▸ **TASK OBJECTIVE**
From the line with "#79=IFCINDEXEDPOLYGONALFACE((5,13,14,6));" through the line with "#99=IFCLOCALPLACEMENT(#14,#2);", repeat the entries verbatim, both end lines included, and add nothing.

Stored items
· · · · · · ·

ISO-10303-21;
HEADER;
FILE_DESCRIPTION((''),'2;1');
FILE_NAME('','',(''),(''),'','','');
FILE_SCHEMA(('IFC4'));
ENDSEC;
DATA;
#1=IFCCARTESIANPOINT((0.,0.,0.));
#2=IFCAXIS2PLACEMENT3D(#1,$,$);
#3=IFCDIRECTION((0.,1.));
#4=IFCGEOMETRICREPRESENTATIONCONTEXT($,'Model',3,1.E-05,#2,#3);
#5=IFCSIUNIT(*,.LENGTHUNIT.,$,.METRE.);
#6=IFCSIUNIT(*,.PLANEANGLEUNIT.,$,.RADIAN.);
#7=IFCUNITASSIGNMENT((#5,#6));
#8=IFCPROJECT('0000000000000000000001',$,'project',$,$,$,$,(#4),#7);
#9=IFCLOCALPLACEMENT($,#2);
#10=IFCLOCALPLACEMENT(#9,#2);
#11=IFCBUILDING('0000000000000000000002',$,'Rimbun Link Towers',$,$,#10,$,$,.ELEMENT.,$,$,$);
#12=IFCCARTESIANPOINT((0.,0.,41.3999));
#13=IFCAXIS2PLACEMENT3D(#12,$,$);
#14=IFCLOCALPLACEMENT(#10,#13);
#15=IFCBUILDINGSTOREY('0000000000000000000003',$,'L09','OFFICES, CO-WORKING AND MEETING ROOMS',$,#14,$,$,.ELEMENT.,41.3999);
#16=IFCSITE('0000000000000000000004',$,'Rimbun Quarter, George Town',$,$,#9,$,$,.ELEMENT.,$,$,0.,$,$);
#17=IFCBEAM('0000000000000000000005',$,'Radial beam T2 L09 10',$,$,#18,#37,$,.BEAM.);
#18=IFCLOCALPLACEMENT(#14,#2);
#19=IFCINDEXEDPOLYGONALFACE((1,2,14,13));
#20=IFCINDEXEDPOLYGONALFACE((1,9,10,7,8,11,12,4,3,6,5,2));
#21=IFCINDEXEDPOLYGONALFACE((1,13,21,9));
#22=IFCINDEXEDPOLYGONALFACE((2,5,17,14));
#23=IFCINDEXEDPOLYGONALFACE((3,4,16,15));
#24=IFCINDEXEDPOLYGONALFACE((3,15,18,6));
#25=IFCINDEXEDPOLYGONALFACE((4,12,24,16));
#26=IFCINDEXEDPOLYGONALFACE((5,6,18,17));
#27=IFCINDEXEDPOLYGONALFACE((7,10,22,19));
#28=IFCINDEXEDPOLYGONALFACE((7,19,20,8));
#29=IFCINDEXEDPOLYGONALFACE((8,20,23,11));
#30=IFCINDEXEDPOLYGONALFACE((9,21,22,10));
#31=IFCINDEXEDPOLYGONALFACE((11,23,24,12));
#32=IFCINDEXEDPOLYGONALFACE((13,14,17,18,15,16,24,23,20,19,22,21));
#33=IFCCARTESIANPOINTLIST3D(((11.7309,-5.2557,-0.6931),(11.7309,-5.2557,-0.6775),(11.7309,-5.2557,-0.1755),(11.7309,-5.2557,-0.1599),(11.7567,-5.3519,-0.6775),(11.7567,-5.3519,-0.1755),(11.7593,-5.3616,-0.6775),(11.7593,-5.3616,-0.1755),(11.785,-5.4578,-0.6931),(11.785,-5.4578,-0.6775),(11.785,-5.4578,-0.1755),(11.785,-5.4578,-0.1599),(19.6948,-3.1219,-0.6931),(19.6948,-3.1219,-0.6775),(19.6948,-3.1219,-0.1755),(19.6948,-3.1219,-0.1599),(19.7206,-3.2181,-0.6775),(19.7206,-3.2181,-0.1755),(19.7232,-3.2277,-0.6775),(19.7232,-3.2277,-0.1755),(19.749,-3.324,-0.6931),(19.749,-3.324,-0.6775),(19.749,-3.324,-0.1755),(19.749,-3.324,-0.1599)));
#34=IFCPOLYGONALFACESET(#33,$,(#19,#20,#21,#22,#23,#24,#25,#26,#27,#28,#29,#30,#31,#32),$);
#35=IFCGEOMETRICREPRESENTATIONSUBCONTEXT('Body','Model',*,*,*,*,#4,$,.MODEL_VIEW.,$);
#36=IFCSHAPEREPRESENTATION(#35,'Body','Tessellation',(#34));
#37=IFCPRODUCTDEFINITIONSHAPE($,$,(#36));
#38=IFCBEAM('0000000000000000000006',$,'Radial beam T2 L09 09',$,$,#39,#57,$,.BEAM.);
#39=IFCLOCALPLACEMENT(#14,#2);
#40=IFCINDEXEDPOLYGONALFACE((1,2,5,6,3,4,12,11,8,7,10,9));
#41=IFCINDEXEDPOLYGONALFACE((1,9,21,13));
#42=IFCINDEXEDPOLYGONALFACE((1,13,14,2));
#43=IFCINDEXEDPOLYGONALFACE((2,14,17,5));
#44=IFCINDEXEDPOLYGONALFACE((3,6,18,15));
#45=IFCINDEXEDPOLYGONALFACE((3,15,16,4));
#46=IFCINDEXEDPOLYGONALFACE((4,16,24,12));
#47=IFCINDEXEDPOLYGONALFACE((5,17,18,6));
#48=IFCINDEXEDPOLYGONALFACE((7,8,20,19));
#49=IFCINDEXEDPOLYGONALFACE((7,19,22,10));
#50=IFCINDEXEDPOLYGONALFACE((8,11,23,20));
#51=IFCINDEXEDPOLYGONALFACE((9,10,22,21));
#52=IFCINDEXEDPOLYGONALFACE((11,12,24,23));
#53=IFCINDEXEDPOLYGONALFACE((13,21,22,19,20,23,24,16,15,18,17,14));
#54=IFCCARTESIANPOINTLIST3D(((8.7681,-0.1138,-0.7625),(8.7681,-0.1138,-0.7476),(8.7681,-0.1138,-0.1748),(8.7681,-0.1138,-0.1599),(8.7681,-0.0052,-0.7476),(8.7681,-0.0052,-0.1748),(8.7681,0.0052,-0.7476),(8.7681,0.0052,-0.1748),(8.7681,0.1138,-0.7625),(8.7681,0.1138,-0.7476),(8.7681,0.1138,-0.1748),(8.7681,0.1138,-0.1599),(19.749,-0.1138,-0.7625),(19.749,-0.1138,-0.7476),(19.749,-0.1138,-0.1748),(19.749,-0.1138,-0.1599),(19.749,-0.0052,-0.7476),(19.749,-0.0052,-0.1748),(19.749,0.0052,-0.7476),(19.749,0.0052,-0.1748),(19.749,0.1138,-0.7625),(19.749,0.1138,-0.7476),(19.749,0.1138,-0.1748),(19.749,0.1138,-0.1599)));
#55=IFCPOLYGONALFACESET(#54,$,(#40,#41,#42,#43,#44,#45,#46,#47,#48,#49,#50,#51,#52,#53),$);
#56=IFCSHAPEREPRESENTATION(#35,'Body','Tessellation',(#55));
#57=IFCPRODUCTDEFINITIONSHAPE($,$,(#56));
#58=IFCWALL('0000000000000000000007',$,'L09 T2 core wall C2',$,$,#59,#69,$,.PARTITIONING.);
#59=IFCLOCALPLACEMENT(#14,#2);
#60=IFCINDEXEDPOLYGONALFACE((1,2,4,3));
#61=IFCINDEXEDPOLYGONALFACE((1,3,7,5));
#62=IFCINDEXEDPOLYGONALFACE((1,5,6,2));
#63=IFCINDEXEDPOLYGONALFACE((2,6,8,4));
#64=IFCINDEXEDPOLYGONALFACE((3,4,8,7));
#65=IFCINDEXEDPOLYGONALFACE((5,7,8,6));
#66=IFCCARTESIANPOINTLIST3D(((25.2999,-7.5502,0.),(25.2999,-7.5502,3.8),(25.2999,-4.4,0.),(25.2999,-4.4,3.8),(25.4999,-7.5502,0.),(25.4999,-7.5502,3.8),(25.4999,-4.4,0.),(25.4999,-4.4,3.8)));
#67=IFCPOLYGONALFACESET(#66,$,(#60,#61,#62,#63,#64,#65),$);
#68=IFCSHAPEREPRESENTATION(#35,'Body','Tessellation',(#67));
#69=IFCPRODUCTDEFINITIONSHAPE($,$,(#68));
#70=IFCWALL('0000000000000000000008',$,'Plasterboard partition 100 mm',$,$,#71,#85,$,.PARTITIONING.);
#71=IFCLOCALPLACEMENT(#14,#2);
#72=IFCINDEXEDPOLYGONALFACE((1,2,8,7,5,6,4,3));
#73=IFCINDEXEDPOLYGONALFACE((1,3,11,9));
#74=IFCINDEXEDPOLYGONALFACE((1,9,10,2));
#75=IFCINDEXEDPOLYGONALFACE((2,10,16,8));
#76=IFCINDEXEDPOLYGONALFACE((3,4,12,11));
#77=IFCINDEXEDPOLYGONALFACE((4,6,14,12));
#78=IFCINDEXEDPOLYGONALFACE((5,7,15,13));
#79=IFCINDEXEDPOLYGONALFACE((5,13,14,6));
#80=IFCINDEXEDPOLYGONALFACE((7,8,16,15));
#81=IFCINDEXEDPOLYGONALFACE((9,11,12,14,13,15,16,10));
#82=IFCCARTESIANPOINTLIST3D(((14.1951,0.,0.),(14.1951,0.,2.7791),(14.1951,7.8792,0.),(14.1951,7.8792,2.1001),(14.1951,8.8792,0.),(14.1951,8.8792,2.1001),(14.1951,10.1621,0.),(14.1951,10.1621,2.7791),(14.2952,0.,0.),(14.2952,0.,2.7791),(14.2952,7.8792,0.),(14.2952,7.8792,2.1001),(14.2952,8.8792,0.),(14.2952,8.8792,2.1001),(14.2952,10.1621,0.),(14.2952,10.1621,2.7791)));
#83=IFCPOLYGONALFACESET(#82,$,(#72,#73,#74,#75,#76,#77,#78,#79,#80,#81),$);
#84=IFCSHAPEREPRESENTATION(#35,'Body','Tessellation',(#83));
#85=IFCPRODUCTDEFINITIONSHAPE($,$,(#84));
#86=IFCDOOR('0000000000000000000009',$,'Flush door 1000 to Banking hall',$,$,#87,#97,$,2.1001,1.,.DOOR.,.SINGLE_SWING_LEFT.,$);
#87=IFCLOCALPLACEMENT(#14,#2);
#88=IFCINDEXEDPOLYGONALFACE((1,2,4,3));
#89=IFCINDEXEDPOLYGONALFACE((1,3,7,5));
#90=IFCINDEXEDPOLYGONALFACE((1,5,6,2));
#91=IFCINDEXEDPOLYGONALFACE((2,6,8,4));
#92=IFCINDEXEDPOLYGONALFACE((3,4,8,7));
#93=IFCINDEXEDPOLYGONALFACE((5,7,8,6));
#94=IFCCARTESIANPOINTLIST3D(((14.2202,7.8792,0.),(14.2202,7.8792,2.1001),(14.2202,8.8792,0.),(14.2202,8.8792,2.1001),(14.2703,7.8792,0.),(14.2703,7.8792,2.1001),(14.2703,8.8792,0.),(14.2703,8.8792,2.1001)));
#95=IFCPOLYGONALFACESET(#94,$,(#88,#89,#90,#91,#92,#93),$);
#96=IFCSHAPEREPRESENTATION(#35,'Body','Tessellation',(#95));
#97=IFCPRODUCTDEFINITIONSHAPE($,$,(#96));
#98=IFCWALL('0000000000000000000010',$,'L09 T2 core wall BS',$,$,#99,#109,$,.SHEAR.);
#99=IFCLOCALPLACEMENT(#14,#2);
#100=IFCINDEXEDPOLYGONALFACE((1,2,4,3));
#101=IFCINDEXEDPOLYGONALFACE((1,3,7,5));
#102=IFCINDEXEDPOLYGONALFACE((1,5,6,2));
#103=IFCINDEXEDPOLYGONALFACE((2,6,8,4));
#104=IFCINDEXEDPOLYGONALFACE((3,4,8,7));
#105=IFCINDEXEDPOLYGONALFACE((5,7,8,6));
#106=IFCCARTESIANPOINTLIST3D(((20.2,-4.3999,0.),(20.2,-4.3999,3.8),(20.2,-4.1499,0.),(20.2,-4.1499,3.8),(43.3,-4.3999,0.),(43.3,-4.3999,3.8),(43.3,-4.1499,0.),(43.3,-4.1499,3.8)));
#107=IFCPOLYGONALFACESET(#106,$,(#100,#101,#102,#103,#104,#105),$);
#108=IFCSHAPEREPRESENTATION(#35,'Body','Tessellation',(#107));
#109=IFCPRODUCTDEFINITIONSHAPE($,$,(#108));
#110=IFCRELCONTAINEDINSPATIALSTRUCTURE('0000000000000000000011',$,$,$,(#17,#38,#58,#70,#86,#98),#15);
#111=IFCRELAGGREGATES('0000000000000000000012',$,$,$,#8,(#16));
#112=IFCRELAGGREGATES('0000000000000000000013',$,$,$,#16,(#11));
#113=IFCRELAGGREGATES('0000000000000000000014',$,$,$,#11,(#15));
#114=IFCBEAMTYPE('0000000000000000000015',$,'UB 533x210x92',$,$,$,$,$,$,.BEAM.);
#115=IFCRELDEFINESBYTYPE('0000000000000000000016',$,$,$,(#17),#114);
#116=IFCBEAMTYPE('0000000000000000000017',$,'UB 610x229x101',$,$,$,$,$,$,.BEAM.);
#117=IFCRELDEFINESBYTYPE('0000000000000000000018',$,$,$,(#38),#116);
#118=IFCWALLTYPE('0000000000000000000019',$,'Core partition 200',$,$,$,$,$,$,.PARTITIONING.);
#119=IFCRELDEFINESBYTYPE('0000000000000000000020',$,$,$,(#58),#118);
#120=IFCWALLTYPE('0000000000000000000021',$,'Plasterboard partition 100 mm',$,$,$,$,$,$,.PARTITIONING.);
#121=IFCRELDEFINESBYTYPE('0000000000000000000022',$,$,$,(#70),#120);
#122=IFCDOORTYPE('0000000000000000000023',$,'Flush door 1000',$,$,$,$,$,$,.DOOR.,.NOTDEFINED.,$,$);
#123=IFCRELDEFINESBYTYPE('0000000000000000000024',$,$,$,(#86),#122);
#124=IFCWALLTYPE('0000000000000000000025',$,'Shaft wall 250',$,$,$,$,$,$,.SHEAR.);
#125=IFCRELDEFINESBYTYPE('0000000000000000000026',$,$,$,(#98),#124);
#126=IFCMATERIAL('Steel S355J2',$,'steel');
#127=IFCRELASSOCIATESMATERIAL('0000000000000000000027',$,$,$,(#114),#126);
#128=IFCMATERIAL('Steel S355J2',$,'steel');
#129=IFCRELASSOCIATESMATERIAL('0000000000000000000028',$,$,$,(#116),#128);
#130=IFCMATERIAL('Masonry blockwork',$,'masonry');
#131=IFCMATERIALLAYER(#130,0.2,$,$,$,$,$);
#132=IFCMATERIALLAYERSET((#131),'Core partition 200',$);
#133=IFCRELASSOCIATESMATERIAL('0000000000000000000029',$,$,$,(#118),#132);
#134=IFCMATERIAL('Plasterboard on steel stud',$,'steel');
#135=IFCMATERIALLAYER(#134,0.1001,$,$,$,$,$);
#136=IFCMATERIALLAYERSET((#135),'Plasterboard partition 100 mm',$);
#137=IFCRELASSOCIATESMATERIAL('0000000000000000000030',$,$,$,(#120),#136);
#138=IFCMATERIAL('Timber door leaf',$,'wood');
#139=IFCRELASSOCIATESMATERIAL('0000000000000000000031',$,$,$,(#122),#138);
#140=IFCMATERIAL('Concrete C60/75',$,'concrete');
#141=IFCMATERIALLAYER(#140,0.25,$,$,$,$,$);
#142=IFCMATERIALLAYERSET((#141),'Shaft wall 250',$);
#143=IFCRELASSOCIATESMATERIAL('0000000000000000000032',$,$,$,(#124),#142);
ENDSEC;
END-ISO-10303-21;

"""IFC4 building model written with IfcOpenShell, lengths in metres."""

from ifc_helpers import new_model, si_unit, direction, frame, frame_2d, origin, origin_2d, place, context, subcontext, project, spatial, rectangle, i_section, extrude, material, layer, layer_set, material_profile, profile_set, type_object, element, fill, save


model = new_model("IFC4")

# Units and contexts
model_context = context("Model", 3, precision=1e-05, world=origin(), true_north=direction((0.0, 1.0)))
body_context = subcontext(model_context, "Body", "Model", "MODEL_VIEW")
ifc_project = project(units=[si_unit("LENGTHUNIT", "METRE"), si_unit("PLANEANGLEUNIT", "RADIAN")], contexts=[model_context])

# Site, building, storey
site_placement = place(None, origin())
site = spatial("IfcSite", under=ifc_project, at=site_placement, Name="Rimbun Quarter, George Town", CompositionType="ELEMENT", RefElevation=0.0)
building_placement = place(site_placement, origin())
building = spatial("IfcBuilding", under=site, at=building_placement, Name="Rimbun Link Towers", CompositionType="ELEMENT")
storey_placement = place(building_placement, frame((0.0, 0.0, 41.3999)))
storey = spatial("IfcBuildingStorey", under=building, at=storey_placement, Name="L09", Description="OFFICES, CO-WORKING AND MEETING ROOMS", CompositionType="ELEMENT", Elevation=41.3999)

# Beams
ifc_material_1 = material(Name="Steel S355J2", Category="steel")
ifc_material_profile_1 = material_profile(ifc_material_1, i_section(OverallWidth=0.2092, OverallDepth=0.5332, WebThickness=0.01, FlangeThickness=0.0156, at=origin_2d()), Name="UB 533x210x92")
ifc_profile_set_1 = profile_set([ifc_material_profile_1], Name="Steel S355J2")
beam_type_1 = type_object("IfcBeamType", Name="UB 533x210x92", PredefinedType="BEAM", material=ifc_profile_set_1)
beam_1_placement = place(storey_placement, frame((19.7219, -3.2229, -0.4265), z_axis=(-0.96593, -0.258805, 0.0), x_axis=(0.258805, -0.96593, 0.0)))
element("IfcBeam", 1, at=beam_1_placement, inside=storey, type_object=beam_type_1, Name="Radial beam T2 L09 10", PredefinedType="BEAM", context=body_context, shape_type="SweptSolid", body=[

· · · · · · ·

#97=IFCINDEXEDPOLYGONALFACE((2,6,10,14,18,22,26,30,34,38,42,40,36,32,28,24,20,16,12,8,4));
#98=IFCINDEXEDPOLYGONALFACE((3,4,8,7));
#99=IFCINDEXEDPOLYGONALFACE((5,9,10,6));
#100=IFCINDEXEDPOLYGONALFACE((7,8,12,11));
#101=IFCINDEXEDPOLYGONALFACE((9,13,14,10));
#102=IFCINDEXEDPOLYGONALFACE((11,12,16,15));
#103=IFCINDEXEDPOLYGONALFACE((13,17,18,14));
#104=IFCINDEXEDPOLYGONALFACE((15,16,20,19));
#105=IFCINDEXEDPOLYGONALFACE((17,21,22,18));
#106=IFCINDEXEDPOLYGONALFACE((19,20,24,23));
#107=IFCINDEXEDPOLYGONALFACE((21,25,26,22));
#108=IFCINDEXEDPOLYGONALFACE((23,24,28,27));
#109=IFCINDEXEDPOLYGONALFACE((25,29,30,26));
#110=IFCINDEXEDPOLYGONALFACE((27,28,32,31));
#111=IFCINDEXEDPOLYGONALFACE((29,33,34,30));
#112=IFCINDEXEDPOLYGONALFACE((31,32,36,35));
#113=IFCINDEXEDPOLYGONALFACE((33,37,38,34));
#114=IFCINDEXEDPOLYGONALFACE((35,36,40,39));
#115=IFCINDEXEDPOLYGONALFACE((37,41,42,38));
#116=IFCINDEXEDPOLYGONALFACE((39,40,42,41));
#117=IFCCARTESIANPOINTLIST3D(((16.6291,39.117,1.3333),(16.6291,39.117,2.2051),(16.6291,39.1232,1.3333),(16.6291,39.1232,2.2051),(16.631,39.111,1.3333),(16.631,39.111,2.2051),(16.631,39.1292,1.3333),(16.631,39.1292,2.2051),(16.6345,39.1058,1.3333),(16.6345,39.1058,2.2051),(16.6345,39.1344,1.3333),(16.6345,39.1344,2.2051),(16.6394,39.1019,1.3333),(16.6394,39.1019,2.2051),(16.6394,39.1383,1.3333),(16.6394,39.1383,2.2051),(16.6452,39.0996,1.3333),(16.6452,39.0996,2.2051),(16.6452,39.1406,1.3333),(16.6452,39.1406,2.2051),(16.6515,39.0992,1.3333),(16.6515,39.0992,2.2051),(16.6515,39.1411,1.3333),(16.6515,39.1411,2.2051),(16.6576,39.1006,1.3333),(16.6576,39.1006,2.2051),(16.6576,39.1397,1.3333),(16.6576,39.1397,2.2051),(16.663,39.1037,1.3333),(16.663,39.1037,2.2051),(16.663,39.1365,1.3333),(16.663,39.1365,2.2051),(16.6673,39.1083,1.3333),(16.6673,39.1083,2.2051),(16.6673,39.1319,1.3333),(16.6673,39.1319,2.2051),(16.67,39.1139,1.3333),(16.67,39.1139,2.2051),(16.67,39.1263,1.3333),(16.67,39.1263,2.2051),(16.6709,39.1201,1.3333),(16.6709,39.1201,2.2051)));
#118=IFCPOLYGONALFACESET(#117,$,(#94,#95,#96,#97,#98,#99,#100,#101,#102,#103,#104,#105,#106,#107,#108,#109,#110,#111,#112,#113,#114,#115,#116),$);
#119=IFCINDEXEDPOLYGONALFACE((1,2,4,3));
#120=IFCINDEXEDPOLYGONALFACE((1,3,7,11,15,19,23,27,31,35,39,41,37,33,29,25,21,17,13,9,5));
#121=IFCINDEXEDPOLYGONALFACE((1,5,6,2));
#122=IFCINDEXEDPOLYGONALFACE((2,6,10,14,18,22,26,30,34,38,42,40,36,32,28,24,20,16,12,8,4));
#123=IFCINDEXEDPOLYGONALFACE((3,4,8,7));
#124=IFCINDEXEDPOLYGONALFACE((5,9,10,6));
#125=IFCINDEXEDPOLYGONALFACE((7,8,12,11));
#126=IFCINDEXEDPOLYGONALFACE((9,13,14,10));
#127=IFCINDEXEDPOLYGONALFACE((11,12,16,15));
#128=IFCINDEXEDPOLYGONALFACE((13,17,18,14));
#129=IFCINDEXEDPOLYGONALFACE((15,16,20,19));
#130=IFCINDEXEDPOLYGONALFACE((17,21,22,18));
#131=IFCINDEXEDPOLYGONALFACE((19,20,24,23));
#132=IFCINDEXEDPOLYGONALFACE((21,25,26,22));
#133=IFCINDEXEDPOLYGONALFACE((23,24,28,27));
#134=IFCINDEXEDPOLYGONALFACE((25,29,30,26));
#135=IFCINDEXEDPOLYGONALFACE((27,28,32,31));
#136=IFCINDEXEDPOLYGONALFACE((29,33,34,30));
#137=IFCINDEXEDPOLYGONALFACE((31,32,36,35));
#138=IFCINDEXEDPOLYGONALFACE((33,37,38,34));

· · · · · · ·

▸ **RESPONSE TO THE EXERCISE**
#79=IFCINDEXEDPOLYGONALFACE((5,13,14,6));
#80=IFCINDEXEDPOLYGONALFACE((7,8,16,15));
#81=IFCINDEXEDPOLYGONALFACE((9,11,12,14,13,15,16,10));
#82=IFCCARTESIANPOINTLIST3D(((14.1951,0.,0.),(14.1951,0.,2.7791),(14.1951,7.8792,0.),(14.1951,7.8792,2.1001),(14.1951,8.8792,0.),(14.1951,8.8792,2.1001),(14.1951,10.1621,0.),(14.1951,10.1621,2.7791),(14.2952,0.,0.),(14.2952,0.,2.7791),(14.2952,7.8792,0.),(14.2952,7.8792,2.1001),(14.2952,8.8792,0.),(14.2952,8.8792,2.1001),(14.2952,10.1621,0.),(14.2952,10.1621,2.7791)));
#83=IFCPOLYGONALFACESET(#82,$,(#72,#73,#74,#75,#76,#77,#78,#79,#80,#81),$);
#84=IFCSHAPEREPRESENTATION(#35,'Body','Tessellation',(#83));
#85=IFCPRODUCTDEFINITIONSHAPE($,$,(#84));
#86=IFCDOOR('0000000000000000000009',$,'Flush door 1000 to Banking hall',$,$,#87,#97,$,2.1001,1.,.DOOR.,.SINGLE_SWING_LEFT.,$);
#87=IFCLOCALPLACEMENT(#14,#2);
#88=IFCINDEXEDPOLYGONALFACE((1,2,4,3));
#89=IFCINDEXEDPOLYGONALFACE((1,3,7,5));
#90=IFCINDEXEDPOLYGONALFACE((1,5,6,2));
#91=IFCINDEXEDPOLYGONALFACE((2,6,8,4));
#92=IFCINDEXEDPOLYGONALFACE((3,4,8,7));
#93=IFCINDEXEDPOLYGONALFACE((5,7,8,6));
#94=IFCCARTESIANPOINTLIST3D(((14.2202,7.8792,0.),(14.2202,7.8792,2.1001),(14.2202,8.8792,0.),(14.2202,8.8792,2.1001),(14.2703,7.8792,0.),(14.2703,7.8792,2.1001),(14.2703,8.8792,0.),(14.2703,8.8792,2.1001)));
#95=IFCPOLYGONALFACESET(#94,$,(#88,#89,#90,#91,#92,#93),$);
#96=IFCSHAPEREPRESENTATION(#35,'Body','Tessellation',(#95));
#97=IFCPRODUCTDEFINITIONSHAPE($,$,(#96));
#98=IFCWALL('0000000000000000000010',$,'L09 T2 core wall BS',$,$,#99,#109,$,.SHEAR.);
#99=IFCLOCALPLACEMENT(#14,#2);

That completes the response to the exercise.